*WORK REQUEST*
Scan the data below for the string "IFCRELAGGREGATES". Copy every line where it appears.

[[ RECORDED INFORMATION open ]]

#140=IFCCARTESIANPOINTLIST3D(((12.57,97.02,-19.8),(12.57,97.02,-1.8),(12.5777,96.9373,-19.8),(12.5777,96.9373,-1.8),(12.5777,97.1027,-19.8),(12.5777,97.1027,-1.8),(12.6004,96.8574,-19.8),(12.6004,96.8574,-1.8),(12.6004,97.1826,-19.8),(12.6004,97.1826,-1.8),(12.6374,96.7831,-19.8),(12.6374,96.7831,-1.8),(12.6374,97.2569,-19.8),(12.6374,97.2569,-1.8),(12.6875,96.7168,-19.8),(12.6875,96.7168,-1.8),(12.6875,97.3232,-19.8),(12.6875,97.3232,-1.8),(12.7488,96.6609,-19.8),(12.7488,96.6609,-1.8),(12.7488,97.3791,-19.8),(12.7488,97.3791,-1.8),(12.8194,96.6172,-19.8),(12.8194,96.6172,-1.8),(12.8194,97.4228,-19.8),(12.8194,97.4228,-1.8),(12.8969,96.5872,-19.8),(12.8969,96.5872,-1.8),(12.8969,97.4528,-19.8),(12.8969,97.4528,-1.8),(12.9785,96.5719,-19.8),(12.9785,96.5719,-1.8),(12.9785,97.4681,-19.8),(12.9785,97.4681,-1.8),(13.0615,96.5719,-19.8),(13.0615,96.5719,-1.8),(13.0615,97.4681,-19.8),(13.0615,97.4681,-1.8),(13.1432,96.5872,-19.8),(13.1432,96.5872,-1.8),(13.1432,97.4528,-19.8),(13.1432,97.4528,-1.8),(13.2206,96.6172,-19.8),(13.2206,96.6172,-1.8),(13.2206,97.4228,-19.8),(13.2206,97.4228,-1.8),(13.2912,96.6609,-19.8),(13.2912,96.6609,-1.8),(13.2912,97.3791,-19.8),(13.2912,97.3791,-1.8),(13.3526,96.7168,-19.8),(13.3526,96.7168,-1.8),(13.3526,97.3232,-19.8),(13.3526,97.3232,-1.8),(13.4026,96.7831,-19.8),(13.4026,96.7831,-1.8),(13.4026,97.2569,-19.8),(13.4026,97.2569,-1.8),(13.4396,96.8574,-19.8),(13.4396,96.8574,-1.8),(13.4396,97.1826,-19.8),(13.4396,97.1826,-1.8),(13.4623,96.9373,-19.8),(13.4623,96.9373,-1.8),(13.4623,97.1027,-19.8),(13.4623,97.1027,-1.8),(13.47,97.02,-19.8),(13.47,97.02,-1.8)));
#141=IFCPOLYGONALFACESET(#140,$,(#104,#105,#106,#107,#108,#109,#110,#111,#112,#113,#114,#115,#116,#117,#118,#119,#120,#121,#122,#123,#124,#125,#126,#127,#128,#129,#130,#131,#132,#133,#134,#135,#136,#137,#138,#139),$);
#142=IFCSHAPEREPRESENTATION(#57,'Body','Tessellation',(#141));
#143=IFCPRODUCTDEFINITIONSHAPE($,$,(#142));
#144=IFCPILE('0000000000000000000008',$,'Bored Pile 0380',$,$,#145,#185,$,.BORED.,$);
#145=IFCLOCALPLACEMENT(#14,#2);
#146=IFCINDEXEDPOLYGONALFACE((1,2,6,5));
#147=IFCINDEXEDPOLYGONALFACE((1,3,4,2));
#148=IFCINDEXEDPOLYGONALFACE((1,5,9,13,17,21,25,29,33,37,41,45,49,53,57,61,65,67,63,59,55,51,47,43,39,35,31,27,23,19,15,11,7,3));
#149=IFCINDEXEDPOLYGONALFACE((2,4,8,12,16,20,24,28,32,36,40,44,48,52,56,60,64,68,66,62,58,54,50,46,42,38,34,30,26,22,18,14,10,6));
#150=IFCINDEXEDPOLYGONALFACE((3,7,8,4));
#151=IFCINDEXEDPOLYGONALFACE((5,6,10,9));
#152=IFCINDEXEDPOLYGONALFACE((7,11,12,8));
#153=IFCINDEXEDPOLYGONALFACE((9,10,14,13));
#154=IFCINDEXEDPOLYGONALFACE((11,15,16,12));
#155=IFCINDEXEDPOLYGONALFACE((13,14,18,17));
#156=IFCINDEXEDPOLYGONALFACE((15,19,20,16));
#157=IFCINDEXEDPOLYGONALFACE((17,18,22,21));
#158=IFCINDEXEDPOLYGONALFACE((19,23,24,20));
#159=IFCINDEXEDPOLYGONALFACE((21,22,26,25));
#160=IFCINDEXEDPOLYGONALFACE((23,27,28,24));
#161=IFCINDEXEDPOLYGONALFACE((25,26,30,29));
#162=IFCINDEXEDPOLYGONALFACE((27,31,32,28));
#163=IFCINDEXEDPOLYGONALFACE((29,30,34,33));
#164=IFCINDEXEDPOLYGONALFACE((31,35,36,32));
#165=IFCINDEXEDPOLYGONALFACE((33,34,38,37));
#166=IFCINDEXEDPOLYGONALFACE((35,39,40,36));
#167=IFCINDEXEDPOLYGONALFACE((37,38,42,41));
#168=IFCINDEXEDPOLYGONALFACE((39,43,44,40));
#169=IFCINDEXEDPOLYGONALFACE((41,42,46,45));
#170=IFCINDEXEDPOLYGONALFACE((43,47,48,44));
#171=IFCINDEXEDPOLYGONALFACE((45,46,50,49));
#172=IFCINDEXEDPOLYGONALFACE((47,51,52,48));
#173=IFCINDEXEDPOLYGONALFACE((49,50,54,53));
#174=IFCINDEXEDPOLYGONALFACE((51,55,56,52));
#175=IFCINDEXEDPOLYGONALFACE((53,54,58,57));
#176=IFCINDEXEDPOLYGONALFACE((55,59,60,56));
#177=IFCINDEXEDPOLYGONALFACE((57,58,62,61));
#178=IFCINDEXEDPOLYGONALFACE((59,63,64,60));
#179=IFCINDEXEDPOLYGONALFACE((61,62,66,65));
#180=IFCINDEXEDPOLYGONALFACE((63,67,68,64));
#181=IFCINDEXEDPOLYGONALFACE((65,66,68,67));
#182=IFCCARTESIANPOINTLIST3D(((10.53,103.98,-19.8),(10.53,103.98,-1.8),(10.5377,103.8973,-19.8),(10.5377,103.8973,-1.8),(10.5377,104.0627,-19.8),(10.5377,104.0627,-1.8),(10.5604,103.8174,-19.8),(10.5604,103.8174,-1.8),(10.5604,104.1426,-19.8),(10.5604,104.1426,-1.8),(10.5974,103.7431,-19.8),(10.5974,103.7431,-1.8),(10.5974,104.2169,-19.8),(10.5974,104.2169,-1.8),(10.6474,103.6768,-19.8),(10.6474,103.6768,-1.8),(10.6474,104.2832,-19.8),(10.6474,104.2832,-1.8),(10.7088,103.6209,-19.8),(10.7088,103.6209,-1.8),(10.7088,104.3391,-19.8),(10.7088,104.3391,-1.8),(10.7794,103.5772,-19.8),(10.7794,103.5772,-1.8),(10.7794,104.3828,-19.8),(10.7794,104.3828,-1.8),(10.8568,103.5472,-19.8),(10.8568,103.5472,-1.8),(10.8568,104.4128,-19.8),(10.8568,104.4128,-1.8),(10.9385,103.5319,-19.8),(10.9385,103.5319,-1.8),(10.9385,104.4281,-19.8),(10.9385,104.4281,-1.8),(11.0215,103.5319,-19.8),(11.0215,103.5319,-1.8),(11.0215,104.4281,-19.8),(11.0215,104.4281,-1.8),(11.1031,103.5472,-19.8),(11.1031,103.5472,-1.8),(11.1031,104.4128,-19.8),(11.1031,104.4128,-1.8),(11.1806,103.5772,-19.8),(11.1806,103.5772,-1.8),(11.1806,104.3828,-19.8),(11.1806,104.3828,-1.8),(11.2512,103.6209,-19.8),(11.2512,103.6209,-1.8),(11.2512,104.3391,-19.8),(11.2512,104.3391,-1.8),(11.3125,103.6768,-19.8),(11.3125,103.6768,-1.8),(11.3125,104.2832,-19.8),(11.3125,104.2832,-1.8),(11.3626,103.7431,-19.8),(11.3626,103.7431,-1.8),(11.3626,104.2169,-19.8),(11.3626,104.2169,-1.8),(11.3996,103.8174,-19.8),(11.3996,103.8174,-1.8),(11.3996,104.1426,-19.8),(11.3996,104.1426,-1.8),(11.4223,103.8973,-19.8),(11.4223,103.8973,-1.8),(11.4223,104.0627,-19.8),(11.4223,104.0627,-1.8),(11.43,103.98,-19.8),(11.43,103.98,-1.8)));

[[ RECORDED INFORMATION closed ]]
[[ RECORDED INFORMATION open ]]

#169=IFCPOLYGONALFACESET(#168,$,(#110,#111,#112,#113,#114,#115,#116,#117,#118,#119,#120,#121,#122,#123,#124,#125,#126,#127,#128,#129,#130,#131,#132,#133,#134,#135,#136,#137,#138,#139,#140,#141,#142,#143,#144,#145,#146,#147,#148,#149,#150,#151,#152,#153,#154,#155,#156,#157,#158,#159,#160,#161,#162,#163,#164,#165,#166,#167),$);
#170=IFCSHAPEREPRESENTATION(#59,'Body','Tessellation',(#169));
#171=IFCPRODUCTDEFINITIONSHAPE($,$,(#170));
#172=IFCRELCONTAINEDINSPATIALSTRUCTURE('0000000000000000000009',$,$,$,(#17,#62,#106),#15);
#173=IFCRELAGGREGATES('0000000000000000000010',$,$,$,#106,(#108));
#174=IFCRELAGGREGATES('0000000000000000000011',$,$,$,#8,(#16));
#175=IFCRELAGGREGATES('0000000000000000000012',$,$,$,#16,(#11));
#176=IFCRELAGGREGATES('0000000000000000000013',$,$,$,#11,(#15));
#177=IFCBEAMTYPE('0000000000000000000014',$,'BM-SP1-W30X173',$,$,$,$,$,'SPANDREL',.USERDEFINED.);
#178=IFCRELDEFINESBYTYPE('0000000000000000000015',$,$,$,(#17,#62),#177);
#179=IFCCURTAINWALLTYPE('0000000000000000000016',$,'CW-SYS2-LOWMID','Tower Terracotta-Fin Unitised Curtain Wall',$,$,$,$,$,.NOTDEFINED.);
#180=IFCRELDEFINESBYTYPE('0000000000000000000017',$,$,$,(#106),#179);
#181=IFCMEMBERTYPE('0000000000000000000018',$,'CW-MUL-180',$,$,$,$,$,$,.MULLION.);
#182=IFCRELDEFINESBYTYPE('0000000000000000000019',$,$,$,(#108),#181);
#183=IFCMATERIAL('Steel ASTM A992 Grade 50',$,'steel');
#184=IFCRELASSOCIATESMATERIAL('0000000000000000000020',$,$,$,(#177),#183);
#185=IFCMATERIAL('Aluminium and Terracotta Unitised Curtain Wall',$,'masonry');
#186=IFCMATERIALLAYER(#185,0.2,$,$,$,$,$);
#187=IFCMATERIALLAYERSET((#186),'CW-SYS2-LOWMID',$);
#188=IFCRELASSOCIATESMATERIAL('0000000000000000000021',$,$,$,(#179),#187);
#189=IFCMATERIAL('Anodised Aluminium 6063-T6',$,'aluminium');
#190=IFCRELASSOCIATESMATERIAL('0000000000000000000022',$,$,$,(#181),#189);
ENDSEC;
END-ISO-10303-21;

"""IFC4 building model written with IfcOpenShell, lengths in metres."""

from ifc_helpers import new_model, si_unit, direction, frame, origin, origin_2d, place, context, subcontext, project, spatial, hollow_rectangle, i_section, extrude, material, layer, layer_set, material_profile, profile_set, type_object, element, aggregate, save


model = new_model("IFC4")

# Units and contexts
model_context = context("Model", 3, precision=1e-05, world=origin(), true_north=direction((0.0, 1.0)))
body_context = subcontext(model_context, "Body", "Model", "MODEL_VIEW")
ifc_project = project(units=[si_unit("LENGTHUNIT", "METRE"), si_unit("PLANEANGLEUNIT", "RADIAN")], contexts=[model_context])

[[ RECORDED INFORMATION closed ]]

*ANSWER BOX*
#173=IFCRELAGGREGATES('0000000000000000000010',$,$,$,#106,(#108));
#174=IFCRELAGGREGATES('0000000000000000000011',$,$,$,#8,(#16));
#175=IFCRELAGGREGATES('0000000000000000000012',$,$,$,#16,(#11));
#176=IFCRELAGGREGATES('0000000000000000000013',$,$,$,#11,(#15));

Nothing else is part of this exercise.